### The input

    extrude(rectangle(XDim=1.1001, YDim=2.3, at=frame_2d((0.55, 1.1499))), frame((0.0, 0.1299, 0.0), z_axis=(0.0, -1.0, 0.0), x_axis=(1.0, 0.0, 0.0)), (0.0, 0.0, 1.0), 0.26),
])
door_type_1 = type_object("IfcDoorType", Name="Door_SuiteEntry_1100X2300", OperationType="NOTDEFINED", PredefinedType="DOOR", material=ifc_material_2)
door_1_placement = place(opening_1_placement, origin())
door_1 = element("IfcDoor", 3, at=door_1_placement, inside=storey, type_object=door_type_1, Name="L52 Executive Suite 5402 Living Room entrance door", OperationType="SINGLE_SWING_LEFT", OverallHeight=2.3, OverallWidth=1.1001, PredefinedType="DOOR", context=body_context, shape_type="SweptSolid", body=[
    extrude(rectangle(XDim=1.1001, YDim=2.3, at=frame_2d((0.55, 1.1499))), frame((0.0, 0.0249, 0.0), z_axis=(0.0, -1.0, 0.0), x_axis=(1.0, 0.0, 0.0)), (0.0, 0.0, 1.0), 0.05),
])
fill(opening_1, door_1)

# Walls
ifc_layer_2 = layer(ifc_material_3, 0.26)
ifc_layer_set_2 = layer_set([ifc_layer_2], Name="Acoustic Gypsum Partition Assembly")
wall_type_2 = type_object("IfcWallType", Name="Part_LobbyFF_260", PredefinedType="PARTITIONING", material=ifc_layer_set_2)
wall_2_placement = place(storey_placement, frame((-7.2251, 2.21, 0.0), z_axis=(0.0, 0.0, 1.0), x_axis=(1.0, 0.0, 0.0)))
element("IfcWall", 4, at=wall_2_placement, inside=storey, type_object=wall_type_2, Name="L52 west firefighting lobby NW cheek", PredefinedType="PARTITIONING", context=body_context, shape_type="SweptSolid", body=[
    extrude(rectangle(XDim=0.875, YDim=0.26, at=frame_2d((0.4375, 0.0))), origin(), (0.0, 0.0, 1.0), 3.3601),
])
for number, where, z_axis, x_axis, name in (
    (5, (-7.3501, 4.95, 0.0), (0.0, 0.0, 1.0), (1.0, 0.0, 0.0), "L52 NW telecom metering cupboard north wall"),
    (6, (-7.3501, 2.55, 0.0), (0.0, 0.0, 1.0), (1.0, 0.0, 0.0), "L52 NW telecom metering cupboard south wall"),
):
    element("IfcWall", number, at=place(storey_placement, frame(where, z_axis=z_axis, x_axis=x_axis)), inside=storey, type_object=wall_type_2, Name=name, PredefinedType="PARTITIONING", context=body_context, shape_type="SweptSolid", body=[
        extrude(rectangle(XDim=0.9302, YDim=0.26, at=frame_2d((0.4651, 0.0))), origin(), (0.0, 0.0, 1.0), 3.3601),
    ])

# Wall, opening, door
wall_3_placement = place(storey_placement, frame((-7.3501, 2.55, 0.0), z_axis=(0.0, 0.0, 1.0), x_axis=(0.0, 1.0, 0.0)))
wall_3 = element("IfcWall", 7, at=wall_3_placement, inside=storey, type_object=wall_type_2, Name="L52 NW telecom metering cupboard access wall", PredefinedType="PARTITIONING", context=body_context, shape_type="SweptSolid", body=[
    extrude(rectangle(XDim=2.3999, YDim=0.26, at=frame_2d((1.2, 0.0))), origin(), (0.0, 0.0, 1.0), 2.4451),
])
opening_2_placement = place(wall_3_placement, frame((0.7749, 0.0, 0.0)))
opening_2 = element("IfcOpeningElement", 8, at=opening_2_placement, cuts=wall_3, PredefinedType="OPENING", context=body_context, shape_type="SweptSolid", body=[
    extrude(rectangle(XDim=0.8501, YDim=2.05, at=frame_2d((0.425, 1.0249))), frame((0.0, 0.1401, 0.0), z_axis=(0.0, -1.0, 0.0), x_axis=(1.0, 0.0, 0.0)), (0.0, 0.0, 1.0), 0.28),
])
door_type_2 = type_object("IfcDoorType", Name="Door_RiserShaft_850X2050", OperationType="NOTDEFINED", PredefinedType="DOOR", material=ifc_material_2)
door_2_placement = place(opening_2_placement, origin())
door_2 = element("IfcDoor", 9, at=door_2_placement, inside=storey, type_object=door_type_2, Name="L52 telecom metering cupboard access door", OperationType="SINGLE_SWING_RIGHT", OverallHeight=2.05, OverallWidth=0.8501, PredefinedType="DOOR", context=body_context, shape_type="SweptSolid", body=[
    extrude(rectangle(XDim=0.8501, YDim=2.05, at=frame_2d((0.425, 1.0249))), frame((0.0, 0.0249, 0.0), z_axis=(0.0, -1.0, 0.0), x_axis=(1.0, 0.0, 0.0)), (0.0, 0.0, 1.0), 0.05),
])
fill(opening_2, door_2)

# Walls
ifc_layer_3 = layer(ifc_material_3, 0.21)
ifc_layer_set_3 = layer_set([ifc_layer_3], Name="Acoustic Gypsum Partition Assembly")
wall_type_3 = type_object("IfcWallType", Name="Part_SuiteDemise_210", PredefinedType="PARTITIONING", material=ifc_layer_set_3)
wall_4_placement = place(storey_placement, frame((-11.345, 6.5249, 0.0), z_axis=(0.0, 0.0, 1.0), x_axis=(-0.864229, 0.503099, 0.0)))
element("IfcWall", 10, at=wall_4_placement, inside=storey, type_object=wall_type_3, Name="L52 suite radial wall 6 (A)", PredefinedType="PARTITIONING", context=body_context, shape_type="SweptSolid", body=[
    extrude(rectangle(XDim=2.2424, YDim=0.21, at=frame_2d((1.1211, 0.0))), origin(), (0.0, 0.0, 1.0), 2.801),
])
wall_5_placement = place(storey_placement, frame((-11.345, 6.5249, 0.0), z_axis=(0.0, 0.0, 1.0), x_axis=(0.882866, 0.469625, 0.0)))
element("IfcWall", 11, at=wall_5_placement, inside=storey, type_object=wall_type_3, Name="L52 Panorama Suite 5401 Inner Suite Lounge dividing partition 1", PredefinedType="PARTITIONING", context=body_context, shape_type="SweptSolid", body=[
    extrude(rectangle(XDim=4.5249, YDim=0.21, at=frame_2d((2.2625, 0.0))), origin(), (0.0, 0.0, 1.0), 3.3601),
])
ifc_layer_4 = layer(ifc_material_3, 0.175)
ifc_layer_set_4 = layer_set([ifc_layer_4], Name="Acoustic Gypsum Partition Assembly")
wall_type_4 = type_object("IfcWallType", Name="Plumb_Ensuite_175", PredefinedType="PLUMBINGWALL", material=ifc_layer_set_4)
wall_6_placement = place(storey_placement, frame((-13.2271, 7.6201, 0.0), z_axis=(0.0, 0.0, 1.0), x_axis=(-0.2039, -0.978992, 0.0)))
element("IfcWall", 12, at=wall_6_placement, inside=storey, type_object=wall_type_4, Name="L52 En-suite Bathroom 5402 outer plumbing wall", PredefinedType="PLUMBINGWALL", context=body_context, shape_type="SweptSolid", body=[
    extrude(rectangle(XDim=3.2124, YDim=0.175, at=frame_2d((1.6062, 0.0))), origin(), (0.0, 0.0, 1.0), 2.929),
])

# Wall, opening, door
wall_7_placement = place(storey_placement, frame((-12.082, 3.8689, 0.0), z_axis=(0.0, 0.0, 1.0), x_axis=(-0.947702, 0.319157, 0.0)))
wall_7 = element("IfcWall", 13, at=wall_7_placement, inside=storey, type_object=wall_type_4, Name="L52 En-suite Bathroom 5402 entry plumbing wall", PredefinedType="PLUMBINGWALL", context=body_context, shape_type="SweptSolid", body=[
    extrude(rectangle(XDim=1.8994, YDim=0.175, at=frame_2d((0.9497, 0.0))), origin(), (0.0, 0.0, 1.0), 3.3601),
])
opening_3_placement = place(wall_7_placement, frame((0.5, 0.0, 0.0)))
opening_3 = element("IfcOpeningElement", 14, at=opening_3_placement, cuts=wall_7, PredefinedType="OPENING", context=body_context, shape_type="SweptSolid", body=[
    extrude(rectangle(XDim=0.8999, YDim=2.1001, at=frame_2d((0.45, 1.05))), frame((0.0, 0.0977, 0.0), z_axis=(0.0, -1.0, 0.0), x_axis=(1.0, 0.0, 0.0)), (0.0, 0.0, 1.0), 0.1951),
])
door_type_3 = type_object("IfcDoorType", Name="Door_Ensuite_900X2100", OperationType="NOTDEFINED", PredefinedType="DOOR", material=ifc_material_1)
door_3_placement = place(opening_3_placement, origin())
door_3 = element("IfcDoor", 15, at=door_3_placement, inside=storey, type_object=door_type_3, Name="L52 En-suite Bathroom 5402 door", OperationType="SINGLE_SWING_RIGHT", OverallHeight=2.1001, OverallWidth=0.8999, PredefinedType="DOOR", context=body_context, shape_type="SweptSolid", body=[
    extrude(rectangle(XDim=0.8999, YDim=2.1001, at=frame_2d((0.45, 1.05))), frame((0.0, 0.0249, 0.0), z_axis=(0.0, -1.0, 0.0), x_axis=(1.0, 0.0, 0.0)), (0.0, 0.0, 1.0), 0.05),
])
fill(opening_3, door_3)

######
### The input

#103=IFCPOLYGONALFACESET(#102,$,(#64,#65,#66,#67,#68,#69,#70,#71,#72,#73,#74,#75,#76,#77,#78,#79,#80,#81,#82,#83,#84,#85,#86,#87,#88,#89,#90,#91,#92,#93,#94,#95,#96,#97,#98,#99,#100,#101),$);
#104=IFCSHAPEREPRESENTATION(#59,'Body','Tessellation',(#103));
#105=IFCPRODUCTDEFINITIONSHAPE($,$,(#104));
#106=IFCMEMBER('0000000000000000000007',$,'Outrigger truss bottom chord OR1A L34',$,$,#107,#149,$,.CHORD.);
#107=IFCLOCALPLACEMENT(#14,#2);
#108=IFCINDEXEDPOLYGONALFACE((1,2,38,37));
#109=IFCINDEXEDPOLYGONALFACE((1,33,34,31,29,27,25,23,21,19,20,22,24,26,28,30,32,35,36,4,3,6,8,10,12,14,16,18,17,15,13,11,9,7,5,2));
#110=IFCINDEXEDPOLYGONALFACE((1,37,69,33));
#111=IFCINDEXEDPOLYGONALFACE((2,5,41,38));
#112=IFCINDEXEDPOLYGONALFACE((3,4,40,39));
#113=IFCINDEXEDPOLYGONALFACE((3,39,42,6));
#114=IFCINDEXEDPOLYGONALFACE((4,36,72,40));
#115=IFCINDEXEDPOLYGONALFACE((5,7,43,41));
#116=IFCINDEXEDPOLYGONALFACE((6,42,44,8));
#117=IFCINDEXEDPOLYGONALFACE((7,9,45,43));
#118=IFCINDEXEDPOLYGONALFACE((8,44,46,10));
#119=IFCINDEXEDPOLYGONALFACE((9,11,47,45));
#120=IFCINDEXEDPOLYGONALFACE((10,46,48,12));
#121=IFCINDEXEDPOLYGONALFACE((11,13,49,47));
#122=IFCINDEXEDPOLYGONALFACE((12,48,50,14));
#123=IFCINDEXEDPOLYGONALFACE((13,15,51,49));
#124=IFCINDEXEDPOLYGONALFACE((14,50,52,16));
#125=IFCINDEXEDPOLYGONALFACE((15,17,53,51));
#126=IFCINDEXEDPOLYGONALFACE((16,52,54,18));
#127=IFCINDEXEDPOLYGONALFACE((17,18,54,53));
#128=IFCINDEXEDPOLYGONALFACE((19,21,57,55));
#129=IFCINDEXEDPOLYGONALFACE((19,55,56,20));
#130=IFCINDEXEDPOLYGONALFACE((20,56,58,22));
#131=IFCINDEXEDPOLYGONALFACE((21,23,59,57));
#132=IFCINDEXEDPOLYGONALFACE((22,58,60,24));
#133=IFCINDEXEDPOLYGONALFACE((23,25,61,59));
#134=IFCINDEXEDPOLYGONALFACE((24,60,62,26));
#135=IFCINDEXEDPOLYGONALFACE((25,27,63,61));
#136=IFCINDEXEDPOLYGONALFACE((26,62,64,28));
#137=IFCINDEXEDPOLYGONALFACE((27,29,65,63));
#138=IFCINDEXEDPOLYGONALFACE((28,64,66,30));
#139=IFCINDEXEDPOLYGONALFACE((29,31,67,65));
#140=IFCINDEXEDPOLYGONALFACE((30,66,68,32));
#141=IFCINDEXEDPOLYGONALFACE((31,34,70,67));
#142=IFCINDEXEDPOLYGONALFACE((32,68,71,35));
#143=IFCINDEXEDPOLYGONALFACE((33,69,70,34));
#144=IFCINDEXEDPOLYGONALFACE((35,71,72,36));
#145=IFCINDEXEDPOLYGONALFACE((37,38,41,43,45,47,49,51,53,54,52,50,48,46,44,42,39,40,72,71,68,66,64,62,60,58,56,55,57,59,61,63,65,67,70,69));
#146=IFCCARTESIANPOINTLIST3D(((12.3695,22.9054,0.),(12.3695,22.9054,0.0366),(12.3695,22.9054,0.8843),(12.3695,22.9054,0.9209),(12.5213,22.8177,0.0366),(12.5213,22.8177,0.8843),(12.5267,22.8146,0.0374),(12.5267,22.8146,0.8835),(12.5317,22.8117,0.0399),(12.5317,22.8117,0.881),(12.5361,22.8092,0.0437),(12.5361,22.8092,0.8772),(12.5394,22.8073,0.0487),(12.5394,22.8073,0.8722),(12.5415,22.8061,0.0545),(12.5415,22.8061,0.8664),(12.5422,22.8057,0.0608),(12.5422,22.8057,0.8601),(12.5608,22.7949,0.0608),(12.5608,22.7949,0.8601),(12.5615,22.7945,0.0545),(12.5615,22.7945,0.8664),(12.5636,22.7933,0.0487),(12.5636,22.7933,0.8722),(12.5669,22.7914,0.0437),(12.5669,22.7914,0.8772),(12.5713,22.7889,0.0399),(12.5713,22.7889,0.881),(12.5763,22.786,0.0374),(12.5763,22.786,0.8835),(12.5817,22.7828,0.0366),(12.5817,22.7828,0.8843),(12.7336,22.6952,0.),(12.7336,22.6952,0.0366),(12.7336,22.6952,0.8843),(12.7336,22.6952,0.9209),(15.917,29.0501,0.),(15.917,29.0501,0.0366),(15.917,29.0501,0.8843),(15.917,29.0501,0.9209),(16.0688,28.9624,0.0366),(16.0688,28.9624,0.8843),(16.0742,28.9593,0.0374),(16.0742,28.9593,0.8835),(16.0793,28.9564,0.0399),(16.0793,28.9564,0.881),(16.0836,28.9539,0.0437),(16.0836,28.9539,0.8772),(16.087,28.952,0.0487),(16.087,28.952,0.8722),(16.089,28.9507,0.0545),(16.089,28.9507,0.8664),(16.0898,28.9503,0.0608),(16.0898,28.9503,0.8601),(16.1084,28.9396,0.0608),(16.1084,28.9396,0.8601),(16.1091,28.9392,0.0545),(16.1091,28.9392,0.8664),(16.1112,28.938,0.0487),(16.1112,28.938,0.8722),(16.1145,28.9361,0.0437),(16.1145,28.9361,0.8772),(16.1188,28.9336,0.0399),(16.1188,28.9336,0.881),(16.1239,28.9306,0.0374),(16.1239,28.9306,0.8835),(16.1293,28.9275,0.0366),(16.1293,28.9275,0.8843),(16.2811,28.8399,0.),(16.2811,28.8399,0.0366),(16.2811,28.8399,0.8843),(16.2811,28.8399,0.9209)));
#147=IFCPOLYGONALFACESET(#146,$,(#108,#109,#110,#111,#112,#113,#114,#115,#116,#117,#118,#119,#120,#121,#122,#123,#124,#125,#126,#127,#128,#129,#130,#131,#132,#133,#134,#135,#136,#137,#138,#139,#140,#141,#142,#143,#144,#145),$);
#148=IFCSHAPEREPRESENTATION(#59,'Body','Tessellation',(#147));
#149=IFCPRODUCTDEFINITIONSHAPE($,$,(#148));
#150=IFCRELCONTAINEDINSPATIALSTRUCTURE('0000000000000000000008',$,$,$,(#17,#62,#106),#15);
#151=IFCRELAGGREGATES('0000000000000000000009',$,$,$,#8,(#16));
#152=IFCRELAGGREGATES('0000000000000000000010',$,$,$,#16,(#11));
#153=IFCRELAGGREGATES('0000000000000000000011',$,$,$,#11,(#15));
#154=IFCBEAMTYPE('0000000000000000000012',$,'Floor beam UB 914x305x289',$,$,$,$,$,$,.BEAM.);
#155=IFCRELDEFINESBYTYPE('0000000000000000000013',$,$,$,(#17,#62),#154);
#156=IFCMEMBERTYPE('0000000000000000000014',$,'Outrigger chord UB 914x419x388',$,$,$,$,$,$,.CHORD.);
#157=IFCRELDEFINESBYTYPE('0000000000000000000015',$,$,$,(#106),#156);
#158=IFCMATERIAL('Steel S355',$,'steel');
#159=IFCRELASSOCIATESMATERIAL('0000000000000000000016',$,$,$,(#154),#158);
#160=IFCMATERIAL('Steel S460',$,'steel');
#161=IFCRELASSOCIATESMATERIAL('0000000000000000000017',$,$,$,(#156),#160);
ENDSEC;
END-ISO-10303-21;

######

Task brief -
Copy out each line in the preceding records that contains "IFCPRODUCTDEFINITIONSHAPE".

Task result -
#105=IFCPRODUCTDEFINITIONSHAPE($,$,(#104));
#149=IFCPRODUCTDEFINITIONSHAPE($,$,(#148));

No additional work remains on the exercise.